__ABOUT THIS EXERCISE__.
Nothing but the lines from the start of the entries through the line containing "#160=IFCINDEXEDPOLYGONALFACE((3,4,8,7));" should appear in the answer, each given exactly.

(Collected data)
____________

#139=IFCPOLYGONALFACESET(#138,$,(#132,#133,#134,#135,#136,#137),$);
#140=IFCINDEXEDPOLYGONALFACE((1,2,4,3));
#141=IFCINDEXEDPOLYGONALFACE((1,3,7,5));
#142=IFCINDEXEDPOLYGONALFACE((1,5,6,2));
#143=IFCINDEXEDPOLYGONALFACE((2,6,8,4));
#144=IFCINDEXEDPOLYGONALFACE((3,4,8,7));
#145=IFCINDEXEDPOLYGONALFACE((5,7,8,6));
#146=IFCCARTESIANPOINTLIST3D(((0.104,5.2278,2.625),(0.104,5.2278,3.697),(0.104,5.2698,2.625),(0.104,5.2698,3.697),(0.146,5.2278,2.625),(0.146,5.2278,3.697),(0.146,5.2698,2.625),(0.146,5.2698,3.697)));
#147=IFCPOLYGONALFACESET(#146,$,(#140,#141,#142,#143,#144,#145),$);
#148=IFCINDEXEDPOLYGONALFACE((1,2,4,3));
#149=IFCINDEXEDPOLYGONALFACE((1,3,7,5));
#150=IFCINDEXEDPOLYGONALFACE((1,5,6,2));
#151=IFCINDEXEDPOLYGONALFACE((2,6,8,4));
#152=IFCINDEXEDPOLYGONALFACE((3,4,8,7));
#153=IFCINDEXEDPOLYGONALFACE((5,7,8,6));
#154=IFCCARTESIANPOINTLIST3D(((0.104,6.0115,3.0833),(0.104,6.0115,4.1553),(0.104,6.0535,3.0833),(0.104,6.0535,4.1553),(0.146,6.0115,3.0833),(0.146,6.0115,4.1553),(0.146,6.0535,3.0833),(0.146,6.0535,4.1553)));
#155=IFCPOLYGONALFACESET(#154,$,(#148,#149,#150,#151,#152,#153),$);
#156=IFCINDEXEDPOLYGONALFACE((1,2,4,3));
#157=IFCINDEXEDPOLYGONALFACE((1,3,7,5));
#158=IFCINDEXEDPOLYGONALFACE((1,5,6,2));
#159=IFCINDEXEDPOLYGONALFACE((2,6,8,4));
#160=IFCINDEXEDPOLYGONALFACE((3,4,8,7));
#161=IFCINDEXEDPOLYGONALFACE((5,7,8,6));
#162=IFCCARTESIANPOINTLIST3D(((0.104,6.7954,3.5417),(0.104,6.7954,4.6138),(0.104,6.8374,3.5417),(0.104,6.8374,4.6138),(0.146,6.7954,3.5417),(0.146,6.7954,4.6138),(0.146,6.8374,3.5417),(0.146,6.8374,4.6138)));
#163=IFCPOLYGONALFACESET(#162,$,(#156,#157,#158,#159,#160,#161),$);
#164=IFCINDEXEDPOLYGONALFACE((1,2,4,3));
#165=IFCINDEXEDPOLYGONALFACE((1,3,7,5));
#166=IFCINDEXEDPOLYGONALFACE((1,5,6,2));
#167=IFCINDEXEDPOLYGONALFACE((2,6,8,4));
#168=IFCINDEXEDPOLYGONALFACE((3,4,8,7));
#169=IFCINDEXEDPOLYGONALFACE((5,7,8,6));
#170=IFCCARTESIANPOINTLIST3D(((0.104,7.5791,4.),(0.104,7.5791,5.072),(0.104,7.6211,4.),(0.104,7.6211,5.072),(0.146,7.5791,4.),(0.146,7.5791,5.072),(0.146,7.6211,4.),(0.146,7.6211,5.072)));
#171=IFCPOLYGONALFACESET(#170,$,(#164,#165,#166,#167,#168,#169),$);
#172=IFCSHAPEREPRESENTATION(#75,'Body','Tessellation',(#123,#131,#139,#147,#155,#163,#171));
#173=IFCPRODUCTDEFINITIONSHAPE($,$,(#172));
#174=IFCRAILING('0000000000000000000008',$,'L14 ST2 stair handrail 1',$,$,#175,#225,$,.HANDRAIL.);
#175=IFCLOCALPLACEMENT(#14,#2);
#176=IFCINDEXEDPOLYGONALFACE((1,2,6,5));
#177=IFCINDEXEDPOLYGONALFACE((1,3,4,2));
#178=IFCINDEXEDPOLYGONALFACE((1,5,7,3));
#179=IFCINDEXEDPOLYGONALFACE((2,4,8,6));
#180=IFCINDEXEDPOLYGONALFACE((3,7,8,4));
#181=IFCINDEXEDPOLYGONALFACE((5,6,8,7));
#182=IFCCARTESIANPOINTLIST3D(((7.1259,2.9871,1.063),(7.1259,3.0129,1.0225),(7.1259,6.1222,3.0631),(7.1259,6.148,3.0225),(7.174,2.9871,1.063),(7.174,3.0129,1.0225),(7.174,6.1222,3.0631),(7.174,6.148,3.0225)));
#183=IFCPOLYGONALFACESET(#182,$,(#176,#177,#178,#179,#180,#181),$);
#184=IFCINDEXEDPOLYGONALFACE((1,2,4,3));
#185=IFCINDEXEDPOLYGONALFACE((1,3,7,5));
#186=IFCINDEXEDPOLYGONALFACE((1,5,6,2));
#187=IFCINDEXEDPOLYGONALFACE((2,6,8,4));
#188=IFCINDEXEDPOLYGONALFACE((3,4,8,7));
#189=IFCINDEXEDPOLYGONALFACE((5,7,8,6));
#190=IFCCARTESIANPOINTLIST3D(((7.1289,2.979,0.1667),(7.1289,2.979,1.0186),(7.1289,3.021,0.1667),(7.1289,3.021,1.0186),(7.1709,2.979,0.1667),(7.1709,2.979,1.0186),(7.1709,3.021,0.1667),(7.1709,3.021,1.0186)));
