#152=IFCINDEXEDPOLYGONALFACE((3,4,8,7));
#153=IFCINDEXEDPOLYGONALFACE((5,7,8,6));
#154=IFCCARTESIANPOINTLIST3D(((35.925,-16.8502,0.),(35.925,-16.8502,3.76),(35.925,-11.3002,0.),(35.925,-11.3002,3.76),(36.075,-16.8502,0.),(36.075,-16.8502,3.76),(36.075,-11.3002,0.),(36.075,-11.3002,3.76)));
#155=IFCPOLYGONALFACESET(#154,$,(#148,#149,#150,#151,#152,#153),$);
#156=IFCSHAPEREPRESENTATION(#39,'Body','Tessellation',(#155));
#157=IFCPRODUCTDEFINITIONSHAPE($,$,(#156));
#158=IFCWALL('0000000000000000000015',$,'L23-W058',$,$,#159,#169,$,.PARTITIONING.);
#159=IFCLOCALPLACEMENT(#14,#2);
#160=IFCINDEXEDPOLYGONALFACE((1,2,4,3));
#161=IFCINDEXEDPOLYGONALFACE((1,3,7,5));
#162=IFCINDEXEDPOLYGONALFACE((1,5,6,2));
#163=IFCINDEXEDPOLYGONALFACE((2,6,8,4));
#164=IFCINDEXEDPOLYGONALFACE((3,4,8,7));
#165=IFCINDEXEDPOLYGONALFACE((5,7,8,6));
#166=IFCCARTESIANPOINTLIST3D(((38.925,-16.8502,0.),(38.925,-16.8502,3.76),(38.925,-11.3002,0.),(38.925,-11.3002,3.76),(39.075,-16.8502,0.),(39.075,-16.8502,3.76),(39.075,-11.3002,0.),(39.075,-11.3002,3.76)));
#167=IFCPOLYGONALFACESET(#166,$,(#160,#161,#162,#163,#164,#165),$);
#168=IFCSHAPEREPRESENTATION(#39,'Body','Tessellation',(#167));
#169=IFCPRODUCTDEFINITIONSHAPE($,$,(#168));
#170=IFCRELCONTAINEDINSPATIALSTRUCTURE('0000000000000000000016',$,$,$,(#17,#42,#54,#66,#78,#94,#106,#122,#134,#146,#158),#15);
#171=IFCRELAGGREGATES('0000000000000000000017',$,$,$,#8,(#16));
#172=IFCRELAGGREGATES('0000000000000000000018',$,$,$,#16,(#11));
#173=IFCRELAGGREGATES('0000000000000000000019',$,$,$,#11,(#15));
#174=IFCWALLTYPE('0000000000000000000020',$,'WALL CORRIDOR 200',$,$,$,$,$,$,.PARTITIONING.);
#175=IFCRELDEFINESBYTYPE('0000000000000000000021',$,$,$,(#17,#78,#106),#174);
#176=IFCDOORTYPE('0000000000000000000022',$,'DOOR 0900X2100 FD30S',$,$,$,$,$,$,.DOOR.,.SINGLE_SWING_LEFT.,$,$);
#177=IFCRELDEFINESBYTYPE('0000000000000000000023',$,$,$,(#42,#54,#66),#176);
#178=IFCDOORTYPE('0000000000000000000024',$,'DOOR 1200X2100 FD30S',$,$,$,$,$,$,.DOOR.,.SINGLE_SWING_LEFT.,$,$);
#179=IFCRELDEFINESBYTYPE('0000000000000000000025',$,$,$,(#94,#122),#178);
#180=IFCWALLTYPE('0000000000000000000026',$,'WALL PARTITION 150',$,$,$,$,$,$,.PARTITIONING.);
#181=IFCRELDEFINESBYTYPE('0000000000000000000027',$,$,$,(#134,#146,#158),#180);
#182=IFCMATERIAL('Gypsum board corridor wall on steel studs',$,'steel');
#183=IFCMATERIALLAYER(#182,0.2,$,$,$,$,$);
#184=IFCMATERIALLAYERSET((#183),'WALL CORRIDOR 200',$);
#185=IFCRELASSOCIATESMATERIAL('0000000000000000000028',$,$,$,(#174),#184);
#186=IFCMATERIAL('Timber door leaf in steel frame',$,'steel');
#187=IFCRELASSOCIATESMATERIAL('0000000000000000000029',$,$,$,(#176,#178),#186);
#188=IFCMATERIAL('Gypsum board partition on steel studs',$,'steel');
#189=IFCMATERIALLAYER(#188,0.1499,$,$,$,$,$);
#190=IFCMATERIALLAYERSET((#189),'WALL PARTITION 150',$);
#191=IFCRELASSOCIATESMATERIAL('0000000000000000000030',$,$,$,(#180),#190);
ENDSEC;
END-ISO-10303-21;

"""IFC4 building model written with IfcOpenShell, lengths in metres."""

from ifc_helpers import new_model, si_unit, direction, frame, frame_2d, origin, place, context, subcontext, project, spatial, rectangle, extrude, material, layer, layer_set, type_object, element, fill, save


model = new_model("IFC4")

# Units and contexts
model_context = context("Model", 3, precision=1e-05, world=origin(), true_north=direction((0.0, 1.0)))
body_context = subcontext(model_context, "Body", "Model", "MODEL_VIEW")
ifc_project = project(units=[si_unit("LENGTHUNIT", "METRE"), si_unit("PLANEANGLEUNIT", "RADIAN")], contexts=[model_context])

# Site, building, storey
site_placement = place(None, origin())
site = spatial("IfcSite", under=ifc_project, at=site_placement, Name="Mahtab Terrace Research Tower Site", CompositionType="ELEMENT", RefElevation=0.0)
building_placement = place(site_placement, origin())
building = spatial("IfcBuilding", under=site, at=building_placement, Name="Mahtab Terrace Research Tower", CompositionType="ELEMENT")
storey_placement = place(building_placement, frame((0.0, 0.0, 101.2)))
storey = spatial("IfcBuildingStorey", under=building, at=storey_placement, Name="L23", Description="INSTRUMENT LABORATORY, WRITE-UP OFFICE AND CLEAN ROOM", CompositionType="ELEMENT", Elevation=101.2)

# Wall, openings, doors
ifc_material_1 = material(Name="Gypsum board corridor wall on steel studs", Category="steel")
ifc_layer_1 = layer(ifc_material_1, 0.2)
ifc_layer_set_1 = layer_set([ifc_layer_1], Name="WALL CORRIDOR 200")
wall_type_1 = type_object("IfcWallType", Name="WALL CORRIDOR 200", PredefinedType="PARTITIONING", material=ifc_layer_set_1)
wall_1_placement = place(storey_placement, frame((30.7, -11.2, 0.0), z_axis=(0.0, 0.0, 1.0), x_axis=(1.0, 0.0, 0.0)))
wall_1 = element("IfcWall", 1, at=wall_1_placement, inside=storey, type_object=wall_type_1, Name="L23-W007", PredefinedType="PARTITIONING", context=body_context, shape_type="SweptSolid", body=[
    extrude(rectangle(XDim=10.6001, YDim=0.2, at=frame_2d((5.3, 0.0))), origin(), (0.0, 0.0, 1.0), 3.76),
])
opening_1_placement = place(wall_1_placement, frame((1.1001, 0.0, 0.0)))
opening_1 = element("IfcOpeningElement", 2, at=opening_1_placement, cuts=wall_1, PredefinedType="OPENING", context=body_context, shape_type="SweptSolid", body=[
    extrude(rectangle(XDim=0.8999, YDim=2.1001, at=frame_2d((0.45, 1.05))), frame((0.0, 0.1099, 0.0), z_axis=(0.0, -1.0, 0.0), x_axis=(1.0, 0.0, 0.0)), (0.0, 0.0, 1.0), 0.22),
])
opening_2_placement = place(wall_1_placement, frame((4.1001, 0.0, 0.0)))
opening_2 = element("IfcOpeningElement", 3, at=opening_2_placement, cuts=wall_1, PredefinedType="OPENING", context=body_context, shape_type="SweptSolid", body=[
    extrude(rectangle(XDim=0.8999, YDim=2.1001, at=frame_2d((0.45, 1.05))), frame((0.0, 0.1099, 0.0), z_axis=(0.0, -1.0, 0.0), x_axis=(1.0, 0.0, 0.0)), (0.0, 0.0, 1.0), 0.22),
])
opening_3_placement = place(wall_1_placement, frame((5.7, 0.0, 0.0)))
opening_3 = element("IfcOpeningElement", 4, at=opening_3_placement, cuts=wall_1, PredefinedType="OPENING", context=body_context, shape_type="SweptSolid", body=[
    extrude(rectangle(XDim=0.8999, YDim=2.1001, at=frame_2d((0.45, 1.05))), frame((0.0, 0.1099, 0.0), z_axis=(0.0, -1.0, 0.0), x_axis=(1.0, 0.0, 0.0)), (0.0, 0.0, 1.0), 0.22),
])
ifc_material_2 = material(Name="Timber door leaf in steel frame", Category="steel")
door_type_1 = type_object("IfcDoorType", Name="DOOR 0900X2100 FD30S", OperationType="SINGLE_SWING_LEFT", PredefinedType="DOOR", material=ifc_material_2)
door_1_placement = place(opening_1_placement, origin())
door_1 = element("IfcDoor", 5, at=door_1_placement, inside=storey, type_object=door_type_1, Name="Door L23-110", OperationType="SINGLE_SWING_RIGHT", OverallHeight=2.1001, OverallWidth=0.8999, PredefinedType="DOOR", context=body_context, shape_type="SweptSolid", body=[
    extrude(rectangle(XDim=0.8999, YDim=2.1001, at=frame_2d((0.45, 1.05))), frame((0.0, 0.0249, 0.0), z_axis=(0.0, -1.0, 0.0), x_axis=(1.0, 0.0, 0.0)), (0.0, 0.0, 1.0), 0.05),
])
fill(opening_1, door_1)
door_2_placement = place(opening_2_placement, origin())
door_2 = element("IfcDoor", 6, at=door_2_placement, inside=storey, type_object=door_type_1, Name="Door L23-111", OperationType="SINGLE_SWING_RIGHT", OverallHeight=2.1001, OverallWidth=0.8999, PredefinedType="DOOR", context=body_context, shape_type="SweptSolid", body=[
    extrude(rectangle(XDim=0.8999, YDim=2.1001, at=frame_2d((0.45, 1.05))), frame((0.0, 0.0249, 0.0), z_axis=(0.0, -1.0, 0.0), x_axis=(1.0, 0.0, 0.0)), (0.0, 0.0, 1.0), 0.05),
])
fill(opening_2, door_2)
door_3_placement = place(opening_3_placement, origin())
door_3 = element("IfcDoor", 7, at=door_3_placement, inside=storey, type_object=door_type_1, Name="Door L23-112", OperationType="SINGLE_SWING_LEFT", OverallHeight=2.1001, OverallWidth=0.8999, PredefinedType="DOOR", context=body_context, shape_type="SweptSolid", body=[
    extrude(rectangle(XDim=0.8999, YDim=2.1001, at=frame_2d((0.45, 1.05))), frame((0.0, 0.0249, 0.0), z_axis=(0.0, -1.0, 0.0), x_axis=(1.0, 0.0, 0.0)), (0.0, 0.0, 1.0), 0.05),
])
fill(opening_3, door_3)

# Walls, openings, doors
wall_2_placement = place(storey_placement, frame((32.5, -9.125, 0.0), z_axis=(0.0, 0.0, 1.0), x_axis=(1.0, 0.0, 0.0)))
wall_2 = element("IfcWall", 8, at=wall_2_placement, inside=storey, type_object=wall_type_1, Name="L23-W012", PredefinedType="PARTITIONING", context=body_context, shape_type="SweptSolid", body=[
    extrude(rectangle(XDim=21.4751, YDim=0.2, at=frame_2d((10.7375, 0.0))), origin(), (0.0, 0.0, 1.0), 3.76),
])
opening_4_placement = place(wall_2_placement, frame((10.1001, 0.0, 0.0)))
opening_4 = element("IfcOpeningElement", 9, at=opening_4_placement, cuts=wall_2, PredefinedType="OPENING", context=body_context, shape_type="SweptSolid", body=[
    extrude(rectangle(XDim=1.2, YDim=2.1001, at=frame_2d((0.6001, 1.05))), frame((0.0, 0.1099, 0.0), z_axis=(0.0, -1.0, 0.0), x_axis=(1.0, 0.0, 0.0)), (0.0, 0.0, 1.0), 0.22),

____________

__SOLUTION FOR THIS EXERCISE__.
#139=IFCPOLYGONALFACESET(#138,$,(#132,#133,#134,#135,#136,#137),$);
#140=IFCINDEXEDPOLYGONALFACE((1,2,4,3));
#141=IFCINDEXEDPOLYGONALFACE((1,3,7,5));
#142=IFCINDEXEDPOLYGONALFACE((1,5,6,2));
#143=IFCINDEXEDPOLYGONALFACE((2,6,8,4));
#144=IFCINDEXEDPOLYGONALFACE((3,4,8,7));
#145=IFCINDEXEDPOLYGONALFACE((5,7,8,6));
#146=IFCCARTESIANPOINTLIST3D(((0.104,5.2278,2.625),(0.104,5.2278,3.697),(0.104,5.2698,2.625),(0.104,5.2698,3.697),(0.146,5.2278,2.625),(0.146,5.2278,3.697),(0.146,5.2698,2.625),(0.146,5.2698,3.697)));
#147=IFCPOLYGONALFACESET(#146,$,(#140,#141,#142,#143,#144,#145),$);
#148=IFCINDEXEDPOLYGONALFACE((1,2,4,3));
#149=IFCINDEXEDPOLYGONALFACE((1,3,7,5));
#150=IFCINDEXEDPOLYGONALFACE((1,5,6,2));
#151=IFCINDEXEDPOLYGONALFACE((2,6,8,4));
#152=IFCINDEXEDPOLYGONALFACE((3,4,8,7));
#153=IFCINDEXEDPOLYGONALFACE((5,7,8,6));
#154=IFCCARTESIANPOINTLIST3D(((0.104,6.0115,3.0833),(0.104,6.0115,4.1553),(0.104,6.0535,3.0833),(0.104,6.0535,4.1553),(0.146,6.0115,3.0833),(0.146,6.0115,4.1553),(0.146,6.0535,3.0833),(0.146,6.0535,4.1553)));
#155=IFCPOLYGONALFACESET(#154,$,(#148,#149,#150,#151,#152,#153),$);
#156=IFCINDEXEDPOLYGONALFACE((1,2,4,3));
#157=IFCINDEXEDPOLYGONALFACE((1,3,7,5));
#158=IFCINDEXEDPOLYGONALFACE((1,5,6,2));
#159=IFCINDEXEDPOLYGONALFACE((2,6,8,4));
#160=IFCINDEXEDPOLYGONALFACE((3,4,8,7));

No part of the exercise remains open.